Problem statement. Every line containing the string "direction" should be returned from the records.

Dataset items
Segment Open
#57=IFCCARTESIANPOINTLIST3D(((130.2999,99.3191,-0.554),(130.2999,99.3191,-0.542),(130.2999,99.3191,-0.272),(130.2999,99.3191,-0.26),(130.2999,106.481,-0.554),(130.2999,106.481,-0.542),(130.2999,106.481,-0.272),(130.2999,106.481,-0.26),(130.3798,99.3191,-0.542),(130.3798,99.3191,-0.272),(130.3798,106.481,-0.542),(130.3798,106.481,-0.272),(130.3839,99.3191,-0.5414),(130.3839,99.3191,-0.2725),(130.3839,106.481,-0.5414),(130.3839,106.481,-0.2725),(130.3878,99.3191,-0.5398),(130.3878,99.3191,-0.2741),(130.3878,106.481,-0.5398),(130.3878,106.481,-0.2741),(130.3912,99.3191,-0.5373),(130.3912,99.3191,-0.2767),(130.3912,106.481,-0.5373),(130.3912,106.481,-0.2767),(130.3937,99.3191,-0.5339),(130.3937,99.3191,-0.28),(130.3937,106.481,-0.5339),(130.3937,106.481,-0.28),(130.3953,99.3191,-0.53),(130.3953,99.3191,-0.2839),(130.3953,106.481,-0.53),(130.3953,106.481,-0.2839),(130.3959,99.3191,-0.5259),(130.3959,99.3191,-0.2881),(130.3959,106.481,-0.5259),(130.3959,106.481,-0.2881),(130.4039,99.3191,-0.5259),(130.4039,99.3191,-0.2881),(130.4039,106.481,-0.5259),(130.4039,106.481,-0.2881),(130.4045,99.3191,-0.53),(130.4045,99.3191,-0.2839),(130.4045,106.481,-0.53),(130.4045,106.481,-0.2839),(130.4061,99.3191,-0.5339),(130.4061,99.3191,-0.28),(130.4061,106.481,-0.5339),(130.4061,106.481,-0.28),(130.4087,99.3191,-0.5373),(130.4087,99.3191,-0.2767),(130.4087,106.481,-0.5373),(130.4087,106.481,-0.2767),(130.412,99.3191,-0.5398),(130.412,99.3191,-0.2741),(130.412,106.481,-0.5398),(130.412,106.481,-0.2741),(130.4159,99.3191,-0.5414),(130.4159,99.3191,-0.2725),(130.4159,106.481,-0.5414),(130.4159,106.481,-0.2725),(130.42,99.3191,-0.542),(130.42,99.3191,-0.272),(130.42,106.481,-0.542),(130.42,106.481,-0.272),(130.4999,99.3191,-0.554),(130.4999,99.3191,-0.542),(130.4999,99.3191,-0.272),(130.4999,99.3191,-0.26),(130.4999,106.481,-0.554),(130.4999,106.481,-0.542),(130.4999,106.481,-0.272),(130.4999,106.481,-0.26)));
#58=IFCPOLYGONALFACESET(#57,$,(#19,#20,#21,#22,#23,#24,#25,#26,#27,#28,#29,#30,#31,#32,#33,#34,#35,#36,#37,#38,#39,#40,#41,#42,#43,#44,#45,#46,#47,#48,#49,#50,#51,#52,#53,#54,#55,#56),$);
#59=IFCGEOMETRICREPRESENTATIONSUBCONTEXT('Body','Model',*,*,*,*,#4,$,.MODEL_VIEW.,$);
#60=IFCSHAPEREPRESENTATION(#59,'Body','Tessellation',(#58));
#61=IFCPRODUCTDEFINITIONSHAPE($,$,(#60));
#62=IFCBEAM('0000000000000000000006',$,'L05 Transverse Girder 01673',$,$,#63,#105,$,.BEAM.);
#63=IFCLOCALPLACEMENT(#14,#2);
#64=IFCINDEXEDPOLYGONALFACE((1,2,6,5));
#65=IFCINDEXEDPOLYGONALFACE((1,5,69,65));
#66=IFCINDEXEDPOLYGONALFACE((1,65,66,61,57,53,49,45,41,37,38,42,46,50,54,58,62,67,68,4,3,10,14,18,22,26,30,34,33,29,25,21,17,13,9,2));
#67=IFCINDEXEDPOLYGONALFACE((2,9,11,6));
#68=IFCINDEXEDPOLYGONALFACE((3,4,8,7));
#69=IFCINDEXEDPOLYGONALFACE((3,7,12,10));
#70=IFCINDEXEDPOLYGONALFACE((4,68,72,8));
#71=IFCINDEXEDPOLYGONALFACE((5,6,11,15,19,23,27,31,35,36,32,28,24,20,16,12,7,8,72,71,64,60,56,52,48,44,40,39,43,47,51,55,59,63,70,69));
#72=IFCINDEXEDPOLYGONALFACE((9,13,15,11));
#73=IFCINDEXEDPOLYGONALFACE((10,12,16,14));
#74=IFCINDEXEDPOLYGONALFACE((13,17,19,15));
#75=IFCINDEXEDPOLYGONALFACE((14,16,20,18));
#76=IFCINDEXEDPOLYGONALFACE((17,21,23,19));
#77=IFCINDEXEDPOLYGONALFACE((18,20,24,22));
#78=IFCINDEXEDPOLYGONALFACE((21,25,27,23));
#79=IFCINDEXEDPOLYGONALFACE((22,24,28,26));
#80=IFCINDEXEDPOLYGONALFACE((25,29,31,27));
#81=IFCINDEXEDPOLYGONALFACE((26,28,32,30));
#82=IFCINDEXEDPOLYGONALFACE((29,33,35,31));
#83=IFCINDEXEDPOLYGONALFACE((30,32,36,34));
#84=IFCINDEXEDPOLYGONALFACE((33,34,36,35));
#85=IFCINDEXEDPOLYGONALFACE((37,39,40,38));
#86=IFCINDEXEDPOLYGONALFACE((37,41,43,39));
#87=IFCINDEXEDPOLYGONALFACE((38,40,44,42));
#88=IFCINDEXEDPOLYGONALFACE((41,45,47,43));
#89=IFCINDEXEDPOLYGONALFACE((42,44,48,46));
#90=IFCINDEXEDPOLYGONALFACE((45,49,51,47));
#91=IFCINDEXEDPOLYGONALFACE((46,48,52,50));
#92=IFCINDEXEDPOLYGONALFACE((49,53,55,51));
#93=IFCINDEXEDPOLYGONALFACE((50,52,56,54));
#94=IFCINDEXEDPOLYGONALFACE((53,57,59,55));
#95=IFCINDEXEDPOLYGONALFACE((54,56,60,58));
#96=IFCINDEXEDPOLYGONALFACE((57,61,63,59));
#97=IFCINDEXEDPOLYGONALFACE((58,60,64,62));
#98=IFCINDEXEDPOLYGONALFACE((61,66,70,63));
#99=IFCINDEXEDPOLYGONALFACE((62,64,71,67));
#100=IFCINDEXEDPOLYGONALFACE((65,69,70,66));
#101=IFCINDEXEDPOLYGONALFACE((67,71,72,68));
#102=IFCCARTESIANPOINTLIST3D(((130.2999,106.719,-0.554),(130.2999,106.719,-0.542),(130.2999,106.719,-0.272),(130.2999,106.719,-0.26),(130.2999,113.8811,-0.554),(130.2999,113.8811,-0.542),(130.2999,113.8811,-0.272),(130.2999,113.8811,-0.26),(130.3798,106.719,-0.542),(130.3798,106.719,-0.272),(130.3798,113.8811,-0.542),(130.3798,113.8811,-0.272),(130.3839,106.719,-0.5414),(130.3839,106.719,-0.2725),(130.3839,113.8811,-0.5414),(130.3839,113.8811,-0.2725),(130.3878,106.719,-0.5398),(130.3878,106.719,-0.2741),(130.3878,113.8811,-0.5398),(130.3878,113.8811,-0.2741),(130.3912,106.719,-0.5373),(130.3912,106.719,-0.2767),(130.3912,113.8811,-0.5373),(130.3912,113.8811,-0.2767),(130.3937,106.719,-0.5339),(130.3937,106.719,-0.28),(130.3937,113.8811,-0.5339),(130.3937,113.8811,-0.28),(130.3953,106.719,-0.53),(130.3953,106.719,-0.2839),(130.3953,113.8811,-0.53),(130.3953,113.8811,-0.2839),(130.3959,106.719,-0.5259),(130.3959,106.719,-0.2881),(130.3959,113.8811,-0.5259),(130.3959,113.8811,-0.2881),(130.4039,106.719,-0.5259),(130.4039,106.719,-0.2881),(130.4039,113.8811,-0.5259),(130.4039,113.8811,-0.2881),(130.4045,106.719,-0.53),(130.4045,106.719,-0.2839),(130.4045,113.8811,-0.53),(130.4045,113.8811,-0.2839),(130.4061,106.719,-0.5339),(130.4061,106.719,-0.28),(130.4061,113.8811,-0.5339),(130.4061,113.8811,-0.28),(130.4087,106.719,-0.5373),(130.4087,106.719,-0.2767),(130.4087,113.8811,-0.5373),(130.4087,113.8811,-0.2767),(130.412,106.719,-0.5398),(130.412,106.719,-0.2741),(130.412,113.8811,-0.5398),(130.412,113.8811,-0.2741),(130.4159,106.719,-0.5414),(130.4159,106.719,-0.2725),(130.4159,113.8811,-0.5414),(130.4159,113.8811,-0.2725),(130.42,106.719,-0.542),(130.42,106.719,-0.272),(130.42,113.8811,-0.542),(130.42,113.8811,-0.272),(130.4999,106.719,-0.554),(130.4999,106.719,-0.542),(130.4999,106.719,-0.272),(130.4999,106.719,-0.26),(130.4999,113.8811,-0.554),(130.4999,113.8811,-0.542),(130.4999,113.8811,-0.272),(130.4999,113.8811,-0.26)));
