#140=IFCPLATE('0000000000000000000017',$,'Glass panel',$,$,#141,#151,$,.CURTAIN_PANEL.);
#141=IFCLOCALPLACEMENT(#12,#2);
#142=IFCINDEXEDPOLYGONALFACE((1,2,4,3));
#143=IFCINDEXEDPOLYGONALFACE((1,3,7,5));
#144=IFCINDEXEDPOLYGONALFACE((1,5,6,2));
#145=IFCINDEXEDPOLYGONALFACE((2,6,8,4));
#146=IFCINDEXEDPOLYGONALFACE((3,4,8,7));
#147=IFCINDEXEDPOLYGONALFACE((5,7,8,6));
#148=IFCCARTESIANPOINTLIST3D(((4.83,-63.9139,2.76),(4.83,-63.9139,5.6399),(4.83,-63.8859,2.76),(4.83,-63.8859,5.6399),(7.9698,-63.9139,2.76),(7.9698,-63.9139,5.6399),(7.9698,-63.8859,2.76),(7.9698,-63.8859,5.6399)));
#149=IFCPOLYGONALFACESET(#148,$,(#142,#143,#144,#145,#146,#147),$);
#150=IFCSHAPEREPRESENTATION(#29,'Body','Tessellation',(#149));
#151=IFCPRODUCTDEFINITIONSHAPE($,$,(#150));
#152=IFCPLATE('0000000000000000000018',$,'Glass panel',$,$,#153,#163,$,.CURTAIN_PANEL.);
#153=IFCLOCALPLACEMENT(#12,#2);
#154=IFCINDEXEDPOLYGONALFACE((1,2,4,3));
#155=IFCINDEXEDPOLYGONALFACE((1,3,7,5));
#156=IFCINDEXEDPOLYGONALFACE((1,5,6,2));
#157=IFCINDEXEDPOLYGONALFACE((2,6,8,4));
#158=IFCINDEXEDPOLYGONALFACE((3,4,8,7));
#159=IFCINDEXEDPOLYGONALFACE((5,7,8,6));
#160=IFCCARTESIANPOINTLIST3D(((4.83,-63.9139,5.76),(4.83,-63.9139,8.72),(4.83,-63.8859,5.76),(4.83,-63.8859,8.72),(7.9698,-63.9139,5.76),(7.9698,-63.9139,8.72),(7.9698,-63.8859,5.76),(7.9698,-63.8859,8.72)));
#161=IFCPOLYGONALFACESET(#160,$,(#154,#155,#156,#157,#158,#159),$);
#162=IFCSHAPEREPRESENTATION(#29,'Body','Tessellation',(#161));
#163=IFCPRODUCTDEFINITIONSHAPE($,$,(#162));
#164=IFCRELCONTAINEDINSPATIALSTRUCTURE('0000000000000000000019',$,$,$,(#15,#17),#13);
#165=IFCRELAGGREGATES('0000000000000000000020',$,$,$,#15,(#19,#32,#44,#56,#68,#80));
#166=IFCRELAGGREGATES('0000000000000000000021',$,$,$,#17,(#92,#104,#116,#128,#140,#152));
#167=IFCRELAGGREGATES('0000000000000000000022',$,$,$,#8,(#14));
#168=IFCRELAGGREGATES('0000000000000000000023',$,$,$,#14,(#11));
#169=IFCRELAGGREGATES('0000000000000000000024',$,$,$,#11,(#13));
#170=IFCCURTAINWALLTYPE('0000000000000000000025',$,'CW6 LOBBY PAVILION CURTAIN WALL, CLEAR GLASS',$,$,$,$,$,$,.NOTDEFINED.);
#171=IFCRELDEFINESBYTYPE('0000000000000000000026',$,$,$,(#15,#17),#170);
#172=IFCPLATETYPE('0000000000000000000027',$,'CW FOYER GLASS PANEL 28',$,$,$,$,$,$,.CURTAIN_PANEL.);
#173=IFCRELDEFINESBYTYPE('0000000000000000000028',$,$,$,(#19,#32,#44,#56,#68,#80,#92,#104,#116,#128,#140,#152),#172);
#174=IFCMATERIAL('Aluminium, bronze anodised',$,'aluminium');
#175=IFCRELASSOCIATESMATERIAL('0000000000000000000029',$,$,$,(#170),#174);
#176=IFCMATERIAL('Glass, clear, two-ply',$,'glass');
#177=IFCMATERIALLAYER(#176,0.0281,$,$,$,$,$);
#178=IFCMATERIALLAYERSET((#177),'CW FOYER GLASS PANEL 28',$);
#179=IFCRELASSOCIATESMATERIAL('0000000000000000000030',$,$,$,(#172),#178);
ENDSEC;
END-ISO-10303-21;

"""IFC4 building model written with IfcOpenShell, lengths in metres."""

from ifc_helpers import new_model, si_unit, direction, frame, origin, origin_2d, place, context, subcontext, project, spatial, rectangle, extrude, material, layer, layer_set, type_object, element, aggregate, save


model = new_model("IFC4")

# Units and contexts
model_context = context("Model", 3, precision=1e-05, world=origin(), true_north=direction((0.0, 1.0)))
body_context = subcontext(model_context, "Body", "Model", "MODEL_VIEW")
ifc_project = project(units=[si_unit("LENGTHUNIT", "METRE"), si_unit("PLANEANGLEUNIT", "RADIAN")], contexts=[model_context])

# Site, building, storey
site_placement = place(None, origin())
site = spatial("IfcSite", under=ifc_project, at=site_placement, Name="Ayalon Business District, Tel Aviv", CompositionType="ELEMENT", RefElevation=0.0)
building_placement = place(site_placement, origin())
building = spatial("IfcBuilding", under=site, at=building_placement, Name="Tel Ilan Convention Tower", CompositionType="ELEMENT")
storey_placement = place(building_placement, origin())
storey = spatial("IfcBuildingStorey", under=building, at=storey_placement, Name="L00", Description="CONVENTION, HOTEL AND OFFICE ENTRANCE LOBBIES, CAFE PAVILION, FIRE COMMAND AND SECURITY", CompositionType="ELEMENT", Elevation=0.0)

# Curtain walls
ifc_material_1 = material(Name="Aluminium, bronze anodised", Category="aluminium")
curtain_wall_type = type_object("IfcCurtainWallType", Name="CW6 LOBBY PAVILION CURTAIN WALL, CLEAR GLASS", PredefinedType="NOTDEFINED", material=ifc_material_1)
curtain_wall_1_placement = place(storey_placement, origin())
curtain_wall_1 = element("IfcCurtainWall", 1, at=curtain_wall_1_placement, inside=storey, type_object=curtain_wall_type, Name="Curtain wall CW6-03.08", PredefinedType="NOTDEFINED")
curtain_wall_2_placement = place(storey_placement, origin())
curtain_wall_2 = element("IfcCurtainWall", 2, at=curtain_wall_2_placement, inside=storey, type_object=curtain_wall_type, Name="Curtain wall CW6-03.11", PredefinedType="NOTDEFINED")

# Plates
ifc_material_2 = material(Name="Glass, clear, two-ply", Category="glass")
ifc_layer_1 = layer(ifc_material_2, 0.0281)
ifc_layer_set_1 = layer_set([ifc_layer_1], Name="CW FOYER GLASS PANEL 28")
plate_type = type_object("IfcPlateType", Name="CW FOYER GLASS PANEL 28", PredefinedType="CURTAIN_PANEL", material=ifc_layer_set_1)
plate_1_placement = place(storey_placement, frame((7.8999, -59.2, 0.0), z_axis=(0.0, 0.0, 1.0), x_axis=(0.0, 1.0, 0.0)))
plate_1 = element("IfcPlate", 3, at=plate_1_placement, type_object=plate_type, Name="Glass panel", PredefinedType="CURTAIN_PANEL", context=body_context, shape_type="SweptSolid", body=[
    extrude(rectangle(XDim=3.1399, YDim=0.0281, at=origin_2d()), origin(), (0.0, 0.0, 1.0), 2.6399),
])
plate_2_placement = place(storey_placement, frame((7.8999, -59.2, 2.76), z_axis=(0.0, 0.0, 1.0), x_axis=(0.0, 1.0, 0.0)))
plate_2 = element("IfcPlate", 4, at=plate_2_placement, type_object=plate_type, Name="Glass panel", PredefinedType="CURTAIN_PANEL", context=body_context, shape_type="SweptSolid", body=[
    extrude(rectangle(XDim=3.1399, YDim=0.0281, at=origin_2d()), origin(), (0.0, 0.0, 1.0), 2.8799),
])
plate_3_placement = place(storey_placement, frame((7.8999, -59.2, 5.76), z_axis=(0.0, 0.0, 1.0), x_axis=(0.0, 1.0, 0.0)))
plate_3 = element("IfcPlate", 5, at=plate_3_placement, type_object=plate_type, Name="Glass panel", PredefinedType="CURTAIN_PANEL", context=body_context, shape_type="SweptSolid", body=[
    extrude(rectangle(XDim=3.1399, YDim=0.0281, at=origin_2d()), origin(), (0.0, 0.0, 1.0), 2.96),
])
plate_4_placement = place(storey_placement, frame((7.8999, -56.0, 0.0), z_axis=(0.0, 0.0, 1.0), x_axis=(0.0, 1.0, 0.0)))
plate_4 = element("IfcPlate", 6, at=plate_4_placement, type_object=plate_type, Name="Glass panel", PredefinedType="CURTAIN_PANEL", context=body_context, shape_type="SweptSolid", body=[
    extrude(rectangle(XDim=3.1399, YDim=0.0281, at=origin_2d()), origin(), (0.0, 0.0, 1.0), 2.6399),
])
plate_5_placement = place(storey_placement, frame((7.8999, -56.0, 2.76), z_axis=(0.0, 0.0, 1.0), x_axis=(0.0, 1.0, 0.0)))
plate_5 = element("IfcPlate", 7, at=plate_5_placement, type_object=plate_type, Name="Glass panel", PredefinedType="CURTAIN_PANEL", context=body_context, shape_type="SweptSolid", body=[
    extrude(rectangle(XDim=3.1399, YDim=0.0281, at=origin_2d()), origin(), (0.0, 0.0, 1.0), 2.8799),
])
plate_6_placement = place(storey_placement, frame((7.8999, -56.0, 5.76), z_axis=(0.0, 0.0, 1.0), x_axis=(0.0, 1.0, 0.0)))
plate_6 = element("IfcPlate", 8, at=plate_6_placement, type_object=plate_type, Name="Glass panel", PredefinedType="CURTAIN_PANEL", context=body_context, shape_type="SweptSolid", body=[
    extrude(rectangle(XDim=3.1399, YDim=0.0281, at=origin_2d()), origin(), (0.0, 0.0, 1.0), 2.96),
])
Segment Closed
Written reply.
from ifc_helpers import new_model, si_unit, direction, frame, origin, origin_2d, place, context, subcontext, project, spatial, rectangle, extrude, material, layer, layer_set, type_object, element, aggregate, save
model_context = context("Model", 3, precision=1e-05, world=origin(), true_north=direction((0.0, 1.0)))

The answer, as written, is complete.